§ WORK REQUIRED: Your answer should consist of the lines in the listing that hold "IFCLOCALPLACEMENT".

● ● ● ● ● ● ●

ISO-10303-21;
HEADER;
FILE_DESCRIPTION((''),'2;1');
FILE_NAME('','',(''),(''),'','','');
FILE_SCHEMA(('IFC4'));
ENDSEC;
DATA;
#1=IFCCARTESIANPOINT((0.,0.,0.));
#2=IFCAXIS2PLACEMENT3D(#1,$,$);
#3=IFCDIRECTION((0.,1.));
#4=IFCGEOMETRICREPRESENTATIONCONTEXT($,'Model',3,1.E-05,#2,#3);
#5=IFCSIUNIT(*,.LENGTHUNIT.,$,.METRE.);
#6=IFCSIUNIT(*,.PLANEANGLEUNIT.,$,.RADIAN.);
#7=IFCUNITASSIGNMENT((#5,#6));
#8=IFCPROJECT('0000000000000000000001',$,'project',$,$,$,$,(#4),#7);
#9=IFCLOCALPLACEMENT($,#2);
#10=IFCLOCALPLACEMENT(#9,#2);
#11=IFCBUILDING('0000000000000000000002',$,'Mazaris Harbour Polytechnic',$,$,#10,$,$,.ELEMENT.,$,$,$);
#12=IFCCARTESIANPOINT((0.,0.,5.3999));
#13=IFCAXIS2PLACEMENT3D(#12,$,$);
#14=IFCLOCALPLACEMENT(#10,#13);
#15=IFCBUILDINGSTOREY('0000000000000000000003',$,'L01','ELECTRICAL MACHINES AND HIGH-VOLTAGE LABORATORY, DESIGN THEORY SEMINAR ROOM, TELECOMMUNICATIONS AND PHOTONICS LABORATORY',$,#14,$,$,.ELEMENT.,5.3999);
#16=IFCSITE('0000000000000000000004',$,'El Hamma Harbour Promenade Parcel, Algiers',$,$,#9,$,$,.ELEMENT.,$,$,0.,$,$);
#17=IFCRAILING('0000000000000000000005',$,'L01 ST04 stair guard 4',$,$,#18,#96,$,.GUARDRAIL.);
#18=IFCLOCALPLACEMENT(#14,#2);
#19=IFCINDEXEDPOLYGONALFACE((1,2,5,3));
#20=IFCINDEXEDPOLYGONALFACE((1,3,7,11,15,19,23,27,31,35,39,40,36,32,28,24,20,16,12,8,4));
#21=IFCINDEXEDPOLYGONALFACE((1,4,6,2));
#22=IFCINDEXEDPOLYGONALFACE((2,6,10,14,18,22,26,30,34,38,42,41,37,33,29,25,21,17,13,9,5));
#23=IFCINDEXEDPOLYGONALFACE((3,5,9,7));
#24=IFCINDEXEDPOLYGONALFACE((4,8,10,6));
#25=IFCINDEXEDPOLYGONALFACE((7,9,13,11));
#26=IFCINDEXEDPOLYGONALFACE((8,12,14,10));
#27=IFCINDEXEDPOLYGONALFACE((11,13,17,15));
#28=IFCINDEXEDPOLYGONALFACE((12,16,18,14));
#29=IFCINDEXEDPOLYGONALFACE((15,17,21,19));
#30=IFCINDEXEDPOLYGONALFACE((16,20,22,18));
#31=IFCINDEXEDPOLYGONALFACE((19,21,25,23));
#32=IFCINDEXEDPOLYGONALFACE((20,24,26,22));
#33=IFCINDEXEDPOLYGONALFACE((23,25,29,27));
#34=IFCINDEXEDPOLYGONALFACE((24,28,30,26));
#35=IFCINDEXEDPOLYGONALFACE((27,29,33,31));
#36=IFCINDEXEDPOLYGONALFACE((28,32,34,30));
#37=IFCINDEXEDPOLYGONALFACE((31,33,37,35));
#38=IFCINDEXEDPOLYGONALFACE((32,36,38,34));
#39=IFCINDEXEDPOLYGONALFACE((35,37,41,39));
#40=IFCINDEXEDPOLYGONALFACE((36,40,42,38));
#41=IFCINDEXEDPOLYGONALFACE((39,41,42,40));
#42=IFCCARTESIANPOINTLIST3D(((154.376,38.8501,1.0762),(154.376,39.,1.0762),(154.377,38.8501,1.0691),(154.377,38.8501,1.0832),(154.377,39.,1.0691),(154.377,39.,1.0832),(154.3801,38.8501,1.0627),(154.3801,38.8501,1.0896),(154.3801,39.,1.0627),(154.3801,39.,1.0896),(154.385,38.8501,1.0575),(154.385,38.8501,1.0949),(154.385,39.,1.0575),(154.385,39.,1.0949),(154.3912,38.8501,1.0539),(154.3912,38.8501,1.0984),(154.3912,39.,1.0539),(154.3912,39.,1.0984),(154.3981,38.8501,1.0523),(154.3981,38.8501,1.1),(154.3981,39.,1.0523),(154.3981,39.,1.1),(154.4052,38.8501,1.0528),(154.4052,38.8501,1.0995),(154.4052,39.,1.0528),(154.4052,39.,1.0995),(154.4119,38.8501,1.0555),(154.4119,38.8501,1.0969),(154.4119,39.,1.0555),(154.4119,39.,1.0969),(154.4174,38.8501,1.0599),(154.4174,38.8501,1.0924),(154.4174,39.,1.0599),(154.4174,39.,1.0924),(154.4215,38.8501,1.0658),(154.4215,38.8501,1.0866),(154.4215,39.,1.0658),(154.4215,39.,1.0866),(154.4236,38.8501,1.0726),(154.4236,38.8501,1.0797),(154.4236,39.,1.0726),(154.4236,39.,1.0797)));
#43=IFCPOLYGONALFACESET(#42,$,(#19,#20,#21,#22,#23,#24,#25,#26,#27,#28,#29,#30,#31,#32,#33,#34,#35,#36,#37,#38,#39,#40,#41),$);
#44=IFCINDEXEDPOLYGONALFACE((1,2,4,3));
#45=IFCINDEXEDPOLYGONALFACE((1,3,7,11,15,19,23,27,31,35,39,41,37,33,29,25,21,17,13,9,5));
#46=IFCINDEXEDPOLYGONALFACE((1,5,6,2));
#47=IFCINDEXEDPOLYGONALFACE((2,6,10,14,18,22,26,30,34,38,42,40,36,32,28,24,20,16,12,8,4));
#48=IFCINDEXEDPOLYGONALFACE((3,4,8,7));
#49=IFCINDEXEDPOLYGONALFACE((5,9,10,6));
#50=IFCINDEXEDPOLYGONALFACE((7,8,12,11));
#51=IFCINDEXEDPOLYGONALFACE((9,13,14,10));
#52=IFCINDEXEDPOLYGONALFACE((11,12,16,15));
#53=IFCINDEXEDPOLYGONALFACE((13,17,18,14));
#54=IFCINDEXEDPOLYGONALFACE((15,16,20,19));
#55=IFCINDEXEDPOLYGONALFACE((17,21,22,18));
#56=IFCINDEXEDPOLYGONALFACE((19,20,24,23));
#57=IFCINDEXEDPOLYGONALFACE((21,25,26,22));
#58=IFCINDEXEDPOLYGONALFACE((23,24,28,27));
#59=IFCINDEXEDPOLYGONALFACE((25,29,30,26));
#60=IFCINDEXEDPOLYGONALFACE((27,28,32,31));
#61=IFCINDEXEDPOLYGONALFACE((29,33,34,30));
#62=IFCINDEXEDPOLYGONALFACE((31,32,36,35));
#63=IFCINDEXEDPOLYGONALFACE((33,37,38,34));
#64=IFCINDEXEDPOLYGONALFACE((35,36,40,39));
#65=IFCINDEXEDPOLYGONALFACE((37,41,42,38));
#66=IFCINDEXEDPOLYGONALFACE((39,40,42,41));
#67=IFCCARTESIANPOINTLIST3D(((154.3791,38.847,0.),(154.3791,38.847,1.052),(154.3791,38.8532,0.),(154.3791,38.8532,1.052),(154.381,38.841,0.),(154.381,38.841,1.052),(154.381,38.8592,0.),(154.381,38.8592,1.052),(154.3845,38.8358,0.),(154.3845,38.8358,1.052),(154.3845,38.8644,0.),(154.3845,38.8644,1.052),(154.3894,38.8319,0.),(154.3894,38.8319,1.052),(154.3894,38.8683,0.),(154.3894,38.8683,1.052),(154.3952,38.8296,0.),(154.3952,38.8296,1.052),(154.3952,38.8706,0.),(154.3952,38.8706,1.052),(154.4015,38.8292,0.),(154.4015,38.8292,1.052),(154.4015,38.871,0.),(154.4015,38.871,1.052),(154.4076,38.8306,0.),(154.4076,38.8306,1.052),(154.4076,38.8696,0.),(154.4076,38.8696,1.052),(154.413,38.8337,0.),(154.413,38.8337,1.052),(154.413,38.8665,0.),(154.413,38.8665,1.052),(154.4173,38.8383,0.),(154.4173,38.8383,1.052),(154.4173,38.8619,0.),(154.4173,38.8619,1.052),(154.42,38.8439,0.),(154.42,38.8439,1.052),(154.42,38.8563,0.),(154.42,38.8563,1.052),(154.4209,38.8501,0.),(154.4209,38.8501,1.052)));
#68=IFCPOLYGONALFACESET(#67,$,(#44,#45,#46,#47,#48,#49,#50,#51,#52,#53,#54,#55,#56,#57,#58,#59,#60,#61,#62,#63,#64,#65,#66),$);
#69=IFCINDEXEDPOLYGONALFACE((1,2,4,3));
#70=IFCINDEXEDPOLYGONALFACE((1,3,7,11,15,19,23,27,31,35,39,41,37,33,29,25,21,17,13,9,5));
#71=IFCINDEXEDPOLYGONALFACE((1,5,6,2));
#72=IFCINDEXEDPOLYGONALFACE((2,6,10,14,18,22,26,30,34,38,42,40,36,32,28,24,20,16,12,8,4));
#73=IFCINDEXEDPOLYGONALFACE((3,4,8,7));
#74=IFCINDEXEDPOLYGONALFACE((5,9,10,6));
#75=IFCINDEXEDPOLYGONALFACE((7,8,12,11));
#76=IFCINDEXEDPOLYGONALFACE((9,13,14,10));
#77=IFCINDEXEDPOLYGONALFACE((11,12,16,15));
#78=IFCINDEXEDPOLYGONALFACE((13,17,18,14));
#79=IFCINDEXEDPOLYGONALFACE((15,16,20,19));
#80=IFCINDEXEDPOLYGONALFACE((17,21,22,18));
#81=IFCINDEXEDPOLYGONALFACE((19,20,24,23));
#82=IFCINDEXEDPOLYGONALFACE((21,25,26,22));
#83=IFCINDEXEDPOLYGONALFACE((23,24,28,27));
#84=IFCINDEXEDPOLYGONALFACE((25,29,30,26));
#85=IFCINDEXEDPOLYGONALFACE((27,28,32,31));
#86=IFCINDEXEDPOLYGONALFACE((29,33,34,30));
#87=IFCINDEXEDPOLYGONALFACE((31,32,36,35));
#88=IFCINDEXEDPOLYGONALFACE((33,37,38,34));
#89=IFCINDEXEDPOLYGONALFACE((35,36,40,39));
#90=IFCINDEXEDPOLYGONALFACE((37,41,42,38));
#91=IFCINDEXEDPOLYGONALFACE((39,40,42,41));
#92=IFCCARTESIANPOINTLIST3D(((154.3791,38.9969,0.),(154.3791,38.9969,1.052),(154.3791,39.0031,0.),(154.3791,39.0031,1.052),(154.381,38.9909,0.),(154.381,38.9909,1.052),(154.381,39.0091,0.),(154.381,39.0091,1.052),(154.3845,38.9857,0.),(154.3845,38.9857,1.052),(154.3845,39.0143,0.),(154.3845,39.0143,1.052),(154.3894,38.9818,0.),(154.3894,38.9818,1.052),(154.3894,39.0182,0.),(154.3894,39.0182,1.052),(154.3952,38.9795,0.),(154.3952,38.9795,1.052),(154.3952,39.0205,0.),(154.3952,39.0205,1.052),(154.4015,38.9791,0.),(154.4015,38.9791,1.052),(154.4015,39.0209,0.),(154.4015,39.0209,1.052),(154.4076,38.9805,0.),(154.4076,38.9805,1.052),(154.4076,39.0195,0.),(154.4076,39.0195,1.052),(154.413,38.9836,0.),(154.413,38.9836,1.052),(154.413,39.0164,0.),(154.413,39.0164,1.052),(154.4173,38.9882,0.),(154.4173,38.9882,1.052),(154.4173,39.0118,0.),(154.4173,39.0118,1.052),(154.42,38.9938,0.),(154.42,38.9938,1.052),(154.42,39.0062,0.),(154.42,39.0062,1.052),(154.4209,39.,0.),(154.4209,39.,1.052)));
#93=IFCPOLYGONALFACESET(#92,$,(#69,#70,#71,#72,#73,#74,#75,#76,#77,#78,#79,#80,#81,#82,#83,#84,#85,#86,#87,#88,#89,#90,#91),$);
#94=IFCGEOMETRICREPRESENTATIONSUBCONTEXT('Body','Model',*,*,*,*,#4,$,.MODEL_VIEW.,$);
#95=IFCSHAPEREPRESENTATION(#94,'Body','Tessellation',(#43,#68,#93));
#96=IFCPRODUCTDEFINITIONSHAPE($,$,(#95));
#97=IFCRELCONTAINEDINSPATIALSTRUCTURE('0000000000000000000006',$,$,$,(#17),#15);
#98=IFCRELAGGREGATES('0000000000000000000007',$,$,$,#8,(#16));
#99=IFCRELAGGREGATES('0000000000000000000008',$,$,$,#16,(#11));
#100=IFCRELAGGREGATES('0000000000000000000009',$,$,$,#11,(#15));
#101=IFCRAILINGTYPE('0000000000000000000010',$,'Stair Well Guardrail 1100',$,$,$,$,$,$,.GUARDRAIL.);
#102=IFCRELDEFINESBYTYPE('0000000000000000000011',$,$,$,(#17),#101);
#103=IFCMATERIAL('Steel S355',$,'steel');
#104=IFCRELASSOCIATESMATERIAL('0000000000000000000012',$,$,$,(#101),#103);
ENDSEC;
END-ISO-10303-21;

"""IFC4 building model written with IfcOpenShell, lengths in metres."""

from ifc_helpers import new_model, si_unit, direction, frame, origin, origin_2d, place, context, subcontext, project, spatial, circle, extrude, material, type_object, element, save


model = new_model("IFC4")

# Units and contexts
model_context = context("Model", 3, precision=1e-05, world=origin(), true_north=direction((0.0, 1.0)))
body_context = subcontext(model_context, "Body", "Model", "MODEL_VIEW")
ifc_project = project(units=[si_unit("LENGTHUNIT", "METRE"), si_unit("PLANEANGLEUNIT", "RADIAN")], contexts=[model_context])

# Site, building, storey
site_placement = place(None, origin())
site = spatial("IfcSite", under=ifc_project, at=site_placement, Name="El Hamma Harbour Promenade Parcel, Algiers", CompositionType="ELEMENT", RefElevation=0.0)
building_placement = place(site_placement, origin())
building = spatial("IfcBuilding", under=site, at=building_placement, Name="Mazaris Harbour Polytechnic", CompositionType="ELEMENT")
storey_placement = place(building_placement, frame((0.0, 0.0, 5.3999)))
storey = spatial("IfcBuildingStorey", under=building, at=storey_placement, Name="L01", Description="ELECTRICAL MACHINES AND HIGH-VOLTAGE LABORATORY, DESIGN THEORY SEMINAR ROOM, TELECOMMUNICATIONS AND PHOTONICS LABORATORY", CompositionType="ELEMENT", Elevation=5.3999)

# Railing
ifc_material_1 = material(Name="Steel S355", Category="steel")
railing_type_1 = type_object("IfcRailingType", Name="Stair Well Guardrail 1100", PredefinedType="GUARDRAIL", material=ifc_material_1)
railing_1_placement = place(storey_placement, frame((154.3999, 38.8501, 0.0)))
element("IfcRailing", 1, at=railing_1_placement, inside=storey, type_object=railing_type_1, Name="L01 ST04 stair guard 4", PredefinedType="GUARDRAIL", context=body_context, shape_type="SweptSolid", body=[
    extrude(circle(Radius=0.0239, at=origin_2d()), frame((0.0, 0.0, 1.0762), z_axis=(0.0, 1.0, 0.0), x_axis=(-1.0, 0.0, 0.0)), (0.0, 0.0, 1.0), 0.1499),
    extrude(circle(Radius=0.021, at=origin_2d()), origin(), (0.0, 0.0, 1.0), 1.052),
    extrude(circle(Radius=0.021, at=origin_2d()), frame((0.0, 0.1499, 0.0)), (0.0, 0.0, 1.0), 1.052),
])

save(model, "model.ifc")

● ● ● ● ● ● ●

§ SOLUTION TO THE EXERCISE:
#9=IFCLOCALPLACEMENT($,#2);
#10=IFCLOCALPLACEMENT(#9,#2);
#14=IFCLOCALPLACEMENT(#10,#13);
#18=IFCLOCALPLACEMENT(#14,#2);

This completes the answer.